TASK DETAILS: Check every line of the data below for the word "IFCLOCALPLACEMENT" and say how many have it, without further comment.

(Data records)
*** Begin section ***

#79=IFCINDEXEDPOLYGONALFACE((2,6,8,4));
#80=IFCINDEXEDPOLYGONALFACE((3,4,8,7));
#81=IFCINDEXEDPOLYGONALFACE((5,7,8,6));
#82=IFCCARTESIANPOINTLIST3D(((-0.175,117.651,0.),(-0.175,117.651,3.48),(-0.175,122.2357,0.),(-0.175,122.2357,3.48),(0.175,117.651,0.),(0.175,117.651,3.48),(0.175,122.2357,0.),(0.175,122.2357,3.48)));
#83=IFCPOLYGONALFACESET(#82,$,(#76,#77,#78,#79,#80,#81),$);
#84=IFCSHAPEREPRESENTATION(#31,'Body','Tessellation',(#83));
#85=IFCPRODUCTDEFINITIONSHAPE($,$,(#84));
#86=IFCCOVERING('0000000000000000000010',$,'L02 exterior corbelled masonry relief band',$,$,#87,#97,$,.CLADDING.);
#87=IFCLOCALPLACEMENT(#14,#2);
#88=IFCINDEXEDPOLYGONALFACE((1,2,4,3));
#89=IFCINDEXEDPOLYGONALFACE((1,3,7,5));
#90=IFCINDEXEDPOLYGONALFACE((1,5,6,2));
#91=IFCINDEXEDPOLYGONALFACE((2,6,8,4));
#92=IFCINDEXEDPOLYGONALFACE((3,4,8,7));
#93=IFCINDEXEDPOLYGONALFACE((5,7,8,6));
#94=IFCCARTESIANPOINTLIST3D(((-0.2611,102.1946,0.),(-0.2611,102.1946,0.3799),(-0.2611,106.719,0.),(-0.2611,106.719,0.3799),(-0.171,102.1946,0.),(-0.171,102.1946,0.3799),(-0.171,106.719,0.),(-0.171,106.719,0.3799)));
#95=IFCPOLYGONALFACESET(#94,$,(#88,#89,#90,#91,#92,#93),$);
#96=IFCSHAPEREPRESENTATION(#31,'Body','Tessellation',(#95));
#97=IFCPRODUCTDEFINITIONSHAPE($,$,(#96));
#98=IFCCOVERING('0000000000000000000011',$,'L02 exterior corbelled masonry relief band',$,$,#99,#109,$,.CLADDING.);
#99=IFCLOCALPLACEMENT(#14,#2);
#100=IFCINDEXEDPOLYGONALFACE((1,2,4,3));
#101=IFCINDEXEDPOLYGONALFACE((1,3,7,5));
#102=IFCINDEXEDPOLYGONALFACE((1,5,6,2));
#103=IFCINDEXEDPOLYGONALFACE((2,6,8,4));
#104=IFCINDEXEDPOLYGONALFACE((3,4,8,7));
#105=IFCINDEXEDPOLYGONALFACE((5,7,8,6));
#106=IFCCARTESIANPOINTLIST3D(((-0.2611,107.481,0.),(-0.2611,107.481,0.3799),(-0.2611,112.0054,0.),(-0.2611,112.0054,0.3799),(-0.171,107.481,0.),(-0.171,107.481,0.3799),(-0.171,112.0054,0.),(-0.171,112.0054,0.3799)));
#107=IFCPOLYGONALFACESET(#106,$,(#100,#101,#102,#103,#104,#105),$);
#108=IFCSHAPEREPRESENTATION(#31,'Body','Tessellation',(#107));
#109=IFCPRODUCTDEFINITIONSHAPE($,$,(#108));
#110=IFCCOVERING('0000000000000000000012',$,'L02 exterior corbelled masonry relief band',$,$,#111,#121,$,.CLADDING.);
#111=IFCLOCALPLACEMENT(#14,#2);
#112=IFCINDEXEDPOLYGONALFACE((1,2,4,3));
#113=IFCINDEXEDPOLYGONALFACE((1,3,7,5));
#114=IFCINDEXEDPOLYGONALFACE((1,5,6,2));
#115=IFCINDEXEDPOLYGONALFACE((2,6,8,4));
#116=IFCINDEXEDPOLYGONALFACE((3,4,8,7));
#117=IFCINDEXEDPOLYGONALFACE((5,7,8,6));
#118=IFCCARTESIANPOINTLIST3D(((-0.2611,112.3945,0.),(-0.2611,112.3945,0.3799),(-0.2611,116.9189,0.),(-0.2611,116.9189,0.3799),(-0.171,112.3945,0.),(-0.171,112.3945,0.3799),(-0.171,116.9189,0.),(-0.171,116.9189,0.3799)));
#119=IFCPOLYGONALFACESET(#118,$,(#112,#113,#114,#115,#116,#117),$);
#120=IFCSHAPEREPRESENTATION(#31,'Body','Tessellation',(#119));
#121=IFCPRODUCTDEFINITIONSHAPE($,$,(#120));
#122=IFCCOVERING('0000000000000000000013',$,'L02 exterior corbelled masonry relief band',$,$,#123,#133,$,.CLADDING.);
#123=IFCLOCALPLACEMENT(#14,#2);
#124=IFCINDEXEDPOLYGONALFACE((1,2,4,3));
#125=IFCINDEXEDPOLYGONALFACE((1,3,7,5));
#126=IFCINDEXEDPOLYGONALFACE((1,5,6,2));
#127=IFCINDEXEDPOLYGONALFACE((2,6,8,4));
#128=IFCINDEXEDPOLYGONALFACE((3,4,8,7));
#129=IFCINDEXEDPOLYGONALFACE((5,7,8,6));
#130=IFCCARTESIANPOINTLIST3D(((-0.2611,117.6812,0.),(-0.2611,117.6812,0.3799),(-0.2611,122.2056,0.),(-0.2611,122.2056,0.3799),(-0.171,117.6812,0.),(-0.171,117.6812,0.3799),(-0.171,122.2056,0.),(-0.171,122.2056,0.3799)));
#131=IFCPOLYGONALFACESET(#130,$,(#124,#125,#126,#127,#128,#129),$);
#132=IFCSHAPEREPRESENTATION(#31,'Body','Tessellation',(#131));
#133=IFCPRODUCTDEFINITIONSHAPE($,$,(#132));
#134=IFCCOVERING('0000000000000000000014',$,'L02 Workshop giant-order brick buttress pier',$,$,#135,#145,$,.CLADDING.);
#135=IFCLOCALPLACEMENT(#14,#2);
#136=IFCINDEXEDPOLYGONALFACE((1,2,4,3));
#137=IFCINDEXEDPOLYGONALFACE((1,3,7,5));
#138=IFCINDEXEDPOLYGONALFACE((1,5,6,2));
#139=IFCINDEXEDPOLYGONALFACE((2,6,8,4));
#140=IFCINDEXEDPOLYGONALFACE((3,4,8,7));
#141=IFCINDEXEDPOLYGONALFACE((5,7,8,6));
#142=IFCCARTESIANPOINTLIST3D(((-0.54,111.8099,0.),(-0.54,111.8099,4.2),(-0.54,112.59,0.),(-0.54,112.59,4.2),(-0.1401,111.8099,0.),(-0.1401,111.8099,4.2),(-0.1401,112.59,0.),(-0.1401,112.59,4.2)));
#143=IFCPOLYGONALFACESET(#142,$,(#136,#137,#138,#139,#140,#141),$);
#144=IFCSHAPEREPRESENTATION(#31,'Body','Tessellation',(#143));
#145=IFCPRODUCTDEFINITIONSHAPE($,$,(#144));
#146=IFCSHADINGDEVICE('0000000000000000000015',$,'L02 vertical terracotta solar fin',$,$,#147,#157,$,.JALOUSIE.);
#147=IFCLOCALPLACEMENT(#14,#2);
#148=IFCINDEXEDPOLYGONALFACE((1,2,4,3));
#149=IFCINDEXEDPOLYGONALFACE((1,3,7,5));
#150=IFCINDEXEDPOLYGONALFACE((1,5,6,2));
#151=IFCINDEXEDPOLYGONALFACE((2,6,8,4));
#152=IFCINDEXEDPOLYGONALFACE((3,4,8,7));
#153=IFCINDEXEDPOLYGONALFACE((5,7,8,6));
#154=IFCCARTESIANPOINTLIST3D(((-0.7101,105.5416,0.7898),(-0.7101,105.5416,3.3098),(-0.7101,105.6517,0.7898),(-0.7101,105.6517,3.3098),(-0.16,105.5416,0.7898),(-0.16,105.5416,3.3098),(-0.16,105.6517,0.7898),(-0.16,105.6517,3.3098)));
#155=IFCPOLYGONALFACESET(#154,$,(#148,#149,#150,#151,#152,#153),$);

*** End section ***

FINISHED TASK: 6